Excerpted data section start
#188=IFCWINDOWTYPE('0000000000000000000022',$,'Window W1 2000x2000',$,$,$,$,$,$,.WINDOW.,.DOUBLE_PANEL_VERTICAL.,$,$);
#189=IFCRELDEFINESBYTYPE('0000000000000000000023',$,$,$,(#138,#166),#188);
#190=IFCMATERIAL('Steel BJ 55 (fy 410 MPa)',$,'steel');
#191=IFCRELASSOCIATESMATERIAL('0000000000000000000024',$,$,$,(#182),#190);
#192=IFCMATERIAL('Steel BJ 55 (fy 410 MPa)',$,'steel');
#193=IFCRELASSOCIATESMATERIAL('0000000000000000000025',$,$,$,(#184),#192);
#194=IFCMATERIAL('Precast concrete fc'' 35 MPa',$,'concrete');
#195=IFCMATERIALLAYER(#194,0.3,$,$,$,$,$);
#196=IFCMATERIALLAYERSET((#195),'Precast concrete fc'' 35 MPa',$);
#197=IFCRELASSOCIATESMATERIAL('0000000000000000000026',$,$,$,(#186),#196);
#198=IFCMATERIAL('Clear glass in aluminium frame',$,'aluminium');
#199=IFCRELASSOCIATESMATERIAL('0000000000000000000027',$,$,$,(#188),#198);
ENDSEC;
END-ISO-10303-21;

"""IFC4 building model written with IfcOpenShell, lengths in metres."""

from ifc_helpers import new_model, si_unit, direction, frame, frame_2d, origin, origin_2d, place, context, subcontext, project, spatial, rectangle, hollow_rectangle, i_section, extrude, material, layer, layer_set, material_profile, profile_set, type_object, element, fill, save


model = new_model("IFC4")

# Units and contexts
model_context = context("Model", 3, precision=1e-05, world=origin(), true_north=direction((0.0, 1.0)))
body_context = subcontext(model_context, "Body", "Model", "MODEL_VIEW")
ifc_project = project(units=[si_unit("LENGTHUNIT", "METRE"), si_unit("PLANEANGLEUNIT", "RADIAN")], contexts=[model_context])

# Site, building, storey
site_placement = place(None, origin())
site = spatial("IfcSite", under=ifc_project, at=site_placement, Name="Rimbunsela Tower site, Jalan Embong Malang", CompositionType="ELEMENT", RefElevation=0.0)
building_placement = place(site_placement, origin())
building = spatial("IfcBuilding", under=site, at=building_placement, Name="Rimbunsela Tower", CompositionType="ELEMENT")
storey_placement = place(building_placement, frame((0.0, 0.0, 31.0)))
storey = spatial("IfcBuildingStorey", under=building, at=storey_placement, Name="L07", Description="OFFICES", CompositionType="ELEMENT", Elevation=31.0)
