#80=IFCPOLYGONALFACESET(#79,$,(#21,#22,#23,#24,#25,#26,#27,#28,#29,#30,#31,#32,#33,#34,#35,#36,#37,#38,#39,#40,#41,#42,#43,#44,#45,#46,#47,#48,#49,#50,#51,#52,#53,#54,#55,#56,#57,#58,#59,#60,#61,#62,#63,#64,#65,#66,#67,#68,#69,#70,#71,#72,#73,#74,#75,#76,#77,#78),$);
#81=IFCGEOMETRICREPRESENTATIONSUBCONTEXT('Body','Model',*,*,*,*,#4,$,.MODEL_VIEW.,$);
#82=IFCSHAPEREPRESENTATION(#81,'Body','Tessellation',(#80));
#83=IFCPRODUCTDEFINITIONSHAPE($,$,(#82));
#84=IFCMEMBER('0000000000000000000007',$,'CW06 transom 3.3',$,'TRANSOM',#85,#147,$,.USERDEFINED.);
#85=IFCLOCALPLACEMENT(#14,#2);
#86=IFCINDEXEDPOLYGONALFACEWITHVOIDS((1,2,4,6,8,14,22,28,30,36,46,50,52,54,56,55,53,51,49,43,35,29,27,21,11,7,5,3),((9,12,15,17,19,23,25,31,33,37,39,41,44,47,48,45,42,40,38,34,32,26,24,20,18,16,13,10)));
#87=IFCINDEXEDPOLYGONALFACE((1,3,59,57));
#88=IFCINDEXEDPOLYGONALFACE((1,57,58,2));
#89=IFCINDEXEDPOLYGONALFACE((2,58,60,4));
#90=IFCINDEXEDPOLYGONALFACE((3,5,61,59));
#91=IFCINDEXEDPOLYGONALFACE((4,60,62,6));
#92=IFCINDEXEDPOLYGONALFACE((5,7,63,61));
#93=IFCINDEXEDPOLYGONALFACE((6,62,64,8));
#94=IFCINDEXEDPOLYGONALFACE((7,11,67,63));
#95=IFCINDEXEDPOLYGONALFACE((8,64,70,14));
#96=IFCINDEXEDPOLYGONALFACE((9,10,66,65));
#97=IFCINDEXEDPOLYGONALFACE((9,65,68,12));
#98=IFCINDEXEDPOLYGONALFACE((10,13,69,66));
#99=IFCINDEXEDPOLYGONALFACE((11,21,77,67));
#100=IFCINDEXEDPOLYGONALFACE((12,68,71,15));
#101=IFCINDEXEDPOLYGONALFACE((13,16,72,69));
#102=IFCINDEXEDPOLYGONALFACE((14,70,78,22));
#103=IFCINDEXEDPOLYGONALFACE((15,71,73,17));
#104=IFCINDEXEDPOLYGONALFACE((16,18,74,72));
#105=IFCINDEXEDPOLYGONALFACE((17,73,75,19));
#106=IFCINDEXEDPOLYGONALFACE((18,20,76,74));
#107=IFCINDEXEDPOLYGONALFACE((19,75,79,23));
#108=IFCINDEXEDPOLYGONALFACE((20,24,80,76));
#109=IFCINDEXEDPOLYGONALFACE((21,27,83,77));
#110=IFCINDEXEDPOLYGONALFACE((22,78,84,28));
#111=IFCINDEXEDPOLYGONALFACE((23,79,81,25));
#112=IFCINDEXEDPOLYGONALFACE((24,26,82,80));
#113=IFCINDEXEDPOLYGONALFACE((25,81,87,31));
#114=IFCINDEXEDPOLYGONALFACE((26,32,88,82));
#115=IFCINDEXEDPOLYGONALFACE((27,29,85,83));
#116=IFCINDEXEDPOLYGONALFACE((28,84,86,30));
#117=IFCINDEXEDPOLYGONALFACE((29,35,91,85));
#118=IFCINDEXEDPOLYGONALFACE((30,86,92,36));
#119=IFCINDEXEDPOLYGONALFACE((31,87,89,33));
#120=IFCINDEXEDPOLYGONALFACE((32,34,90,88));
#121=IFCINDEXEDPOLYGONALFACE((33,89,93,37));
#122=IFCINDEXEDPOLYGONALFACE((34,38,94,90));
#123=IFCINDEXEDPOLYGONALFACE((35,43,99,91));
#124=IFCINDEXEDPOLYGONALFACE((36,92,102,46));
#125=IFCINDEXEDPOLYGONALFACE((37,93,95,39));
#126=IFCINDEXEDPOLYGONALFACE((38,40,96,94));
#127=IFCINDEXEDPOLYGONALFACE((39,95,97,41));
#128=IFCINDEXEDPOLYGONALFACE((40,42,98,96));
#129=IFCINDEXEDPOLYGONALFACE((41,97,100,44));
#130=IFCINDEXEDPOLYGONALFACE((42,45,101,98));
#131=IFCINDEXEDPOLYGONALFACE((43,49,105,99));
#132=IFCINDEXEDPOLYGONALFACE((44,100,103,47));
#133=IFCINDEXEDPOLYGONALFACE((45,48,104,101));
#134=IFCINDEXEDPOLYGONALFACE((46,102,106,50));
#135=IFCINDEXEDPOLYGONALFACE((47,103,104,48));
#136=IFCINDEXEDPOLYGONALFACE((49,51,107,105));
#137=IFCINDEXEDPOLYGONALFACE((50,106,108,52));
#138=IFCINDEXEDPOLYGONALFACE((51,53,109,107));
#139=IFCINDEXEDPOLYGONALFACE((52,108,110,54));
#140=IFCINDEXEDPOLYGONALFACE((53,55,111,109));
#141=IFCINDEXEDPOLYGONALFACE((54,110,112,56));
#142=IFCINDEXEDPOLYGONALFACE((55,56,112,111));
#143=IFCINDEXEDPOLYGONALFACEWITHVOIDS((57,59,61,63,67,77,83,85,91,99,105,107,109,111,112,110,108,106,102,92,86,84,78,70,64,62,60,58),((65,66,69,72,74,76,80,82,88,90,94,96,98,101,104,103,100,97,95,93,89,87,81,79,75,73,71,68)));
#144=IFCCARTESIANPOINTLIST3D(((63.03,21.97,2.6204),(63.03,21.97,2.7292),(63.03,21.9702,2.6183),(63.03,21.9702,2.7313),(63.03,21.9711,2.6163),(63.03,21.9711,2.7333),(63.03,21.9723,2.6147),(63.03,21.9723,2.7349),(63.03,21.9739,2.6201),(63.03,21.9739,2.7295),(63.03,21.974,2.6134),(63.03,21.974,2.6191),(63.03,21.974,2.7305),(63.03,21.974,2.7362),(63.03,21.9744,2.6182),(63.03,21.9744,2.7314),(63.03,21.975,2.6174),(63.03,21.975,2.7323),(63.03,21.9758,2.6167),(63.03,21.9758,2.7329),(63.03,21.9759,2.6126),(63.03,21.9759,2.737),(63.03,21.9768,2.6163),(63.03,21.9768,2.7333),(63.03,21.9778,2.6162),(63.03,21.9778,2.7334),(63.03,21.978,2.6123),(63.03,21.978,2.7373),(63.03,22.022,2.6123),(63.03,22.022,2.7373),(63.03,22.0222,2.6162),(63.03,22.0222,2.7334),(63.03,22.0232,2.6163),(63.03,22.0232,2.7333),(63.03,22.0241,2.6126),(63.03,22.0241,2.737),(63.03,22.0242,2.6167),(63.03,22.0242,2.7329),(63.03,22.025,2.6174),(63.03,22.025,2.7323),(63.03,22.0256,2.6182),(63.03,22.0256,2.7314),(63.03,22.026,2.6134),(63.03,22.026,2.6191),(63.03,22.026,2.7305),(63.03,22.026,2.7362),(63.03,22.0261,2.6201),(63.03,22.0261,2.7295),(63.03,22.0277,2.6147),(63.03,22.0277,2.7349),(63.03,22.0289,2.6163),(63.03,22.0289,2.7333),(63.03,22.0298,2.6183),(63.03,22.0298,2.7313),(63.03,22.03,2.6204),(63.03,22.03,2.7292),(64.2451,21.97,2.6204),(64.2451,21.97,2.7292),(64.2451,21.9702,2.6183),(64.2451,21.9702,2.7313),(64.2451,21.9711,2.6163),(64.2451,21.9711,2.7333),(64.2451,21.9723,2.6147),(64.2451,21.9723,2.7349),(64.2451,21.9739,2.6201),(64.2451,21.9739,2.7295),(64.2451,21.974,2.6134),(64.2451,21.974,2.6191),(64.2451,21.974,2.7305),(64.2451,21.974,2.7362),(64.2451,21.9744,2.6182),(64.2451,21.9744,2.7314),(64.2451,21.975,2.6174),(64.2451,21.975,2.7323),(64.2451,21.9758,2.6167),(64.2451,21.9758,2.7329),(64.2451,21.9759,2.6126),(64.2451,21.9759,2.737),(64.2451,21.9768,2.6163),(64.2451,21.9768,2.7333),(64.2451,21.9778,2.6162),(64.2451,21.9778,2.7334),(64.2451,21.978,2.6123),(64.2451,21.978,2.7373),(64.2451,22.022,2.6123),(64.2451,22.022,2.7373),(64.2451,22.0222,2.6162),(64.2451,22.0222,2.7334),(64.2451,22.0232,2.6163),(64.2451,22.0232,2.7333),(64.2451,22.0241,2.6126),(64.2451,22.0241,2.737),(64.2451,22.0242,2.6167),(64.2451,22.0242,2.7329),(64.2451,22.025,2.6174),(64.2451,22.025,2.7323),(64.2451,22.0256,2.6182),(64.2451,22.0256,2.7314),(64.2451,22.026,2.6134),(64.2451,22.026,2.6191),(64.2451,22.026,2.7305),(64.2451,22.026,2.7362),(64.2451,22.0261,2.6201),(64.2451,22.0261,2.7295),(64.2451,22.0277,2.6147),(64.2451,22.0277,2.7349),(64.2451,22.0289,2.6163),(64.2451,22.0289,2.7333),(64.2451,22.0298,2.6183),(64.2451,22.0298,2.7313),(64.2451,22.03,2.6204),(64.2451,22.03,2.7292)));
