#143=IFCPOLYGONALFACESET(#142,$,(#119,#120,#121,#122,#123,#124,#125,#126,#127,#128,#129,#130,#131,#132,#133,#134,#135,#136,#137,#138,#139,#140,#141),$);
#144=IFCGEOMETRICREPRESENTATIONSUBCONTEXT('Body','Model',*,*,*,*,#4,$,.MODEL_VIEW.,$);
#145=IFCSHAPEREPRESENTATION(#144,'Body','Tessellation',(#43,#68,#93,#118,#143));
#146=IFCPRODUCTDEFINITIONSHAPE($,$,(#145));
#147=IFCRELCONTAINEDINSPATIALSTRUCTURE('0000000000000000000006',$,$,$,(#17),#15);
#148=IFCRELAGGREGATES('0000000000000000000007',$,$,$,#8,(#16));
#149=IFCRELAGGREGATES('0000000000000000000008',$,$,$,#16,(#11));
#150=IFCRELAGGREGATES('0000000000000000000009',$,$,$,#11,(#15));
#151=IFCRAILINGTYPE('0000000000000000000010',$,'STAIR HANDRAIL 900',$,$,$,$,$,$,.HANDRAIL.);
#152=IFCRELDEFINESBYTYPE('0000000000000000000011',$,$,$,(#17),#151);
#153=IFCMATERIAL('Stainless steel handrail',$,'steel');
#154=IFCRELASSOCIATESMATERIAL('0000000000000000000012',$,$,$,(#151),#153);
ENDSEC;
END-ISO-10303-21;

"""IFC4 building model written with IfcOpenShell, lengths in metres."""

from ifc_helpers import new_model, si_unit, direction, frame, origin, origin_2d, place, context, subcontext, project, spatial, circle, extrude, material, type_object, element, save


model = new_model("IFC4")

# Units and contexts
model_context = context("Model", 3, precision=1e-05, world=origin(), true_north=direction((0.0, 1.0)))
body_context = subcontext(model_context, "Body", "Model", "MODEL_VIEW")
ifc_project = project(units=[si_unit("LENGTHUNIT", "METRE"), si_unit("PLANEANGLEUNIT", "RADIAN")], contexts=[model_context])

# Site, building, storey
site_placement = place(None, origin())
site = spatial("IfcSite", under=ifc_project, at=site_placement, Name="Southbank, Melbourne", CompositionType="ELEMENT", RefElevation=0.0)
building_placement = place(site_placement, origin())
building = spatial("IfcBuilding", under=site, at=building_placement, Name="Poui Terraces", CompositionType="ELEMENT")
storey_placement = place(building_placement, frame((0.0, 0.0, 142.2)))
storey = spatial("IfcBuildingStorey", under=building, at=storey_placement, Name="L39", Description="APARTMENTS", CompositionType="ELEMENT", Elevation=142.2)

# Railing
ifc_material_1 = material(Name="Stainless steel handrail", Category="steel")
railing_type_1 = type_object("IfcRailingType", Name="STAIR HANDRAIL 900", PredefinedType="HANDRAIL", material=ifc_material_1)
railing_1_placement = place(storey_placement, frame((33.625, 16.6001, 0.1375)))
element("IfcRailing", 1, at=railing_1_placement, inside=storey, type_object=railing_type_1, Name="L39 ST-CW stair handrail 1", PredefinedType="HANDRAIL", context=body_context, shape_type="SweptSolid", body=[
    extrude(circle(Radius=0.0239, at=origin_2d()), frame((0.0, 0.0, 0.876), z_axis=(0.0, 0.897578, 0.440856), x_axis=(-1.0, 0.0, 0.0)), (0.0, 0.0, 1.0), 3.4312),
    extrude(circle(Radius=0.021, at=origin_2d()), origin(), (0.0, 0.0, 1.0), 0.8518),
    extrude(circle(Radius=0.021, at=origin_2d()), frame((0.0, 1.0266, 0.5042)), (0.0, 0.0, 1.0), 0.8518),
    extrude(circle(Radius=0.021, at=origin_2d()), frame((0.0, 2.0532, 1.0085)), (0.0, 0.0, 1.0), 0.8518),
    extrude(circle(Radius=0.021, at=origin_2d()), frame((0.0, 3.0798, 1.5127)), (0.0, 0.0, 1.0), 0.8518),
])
Excerpted data section end
Exercise aim: How many of the lines above include the string "IFCINDEXEDPOLYGONALFACEWITHVOIDS"? Answer with the number only.

Expected answer: 2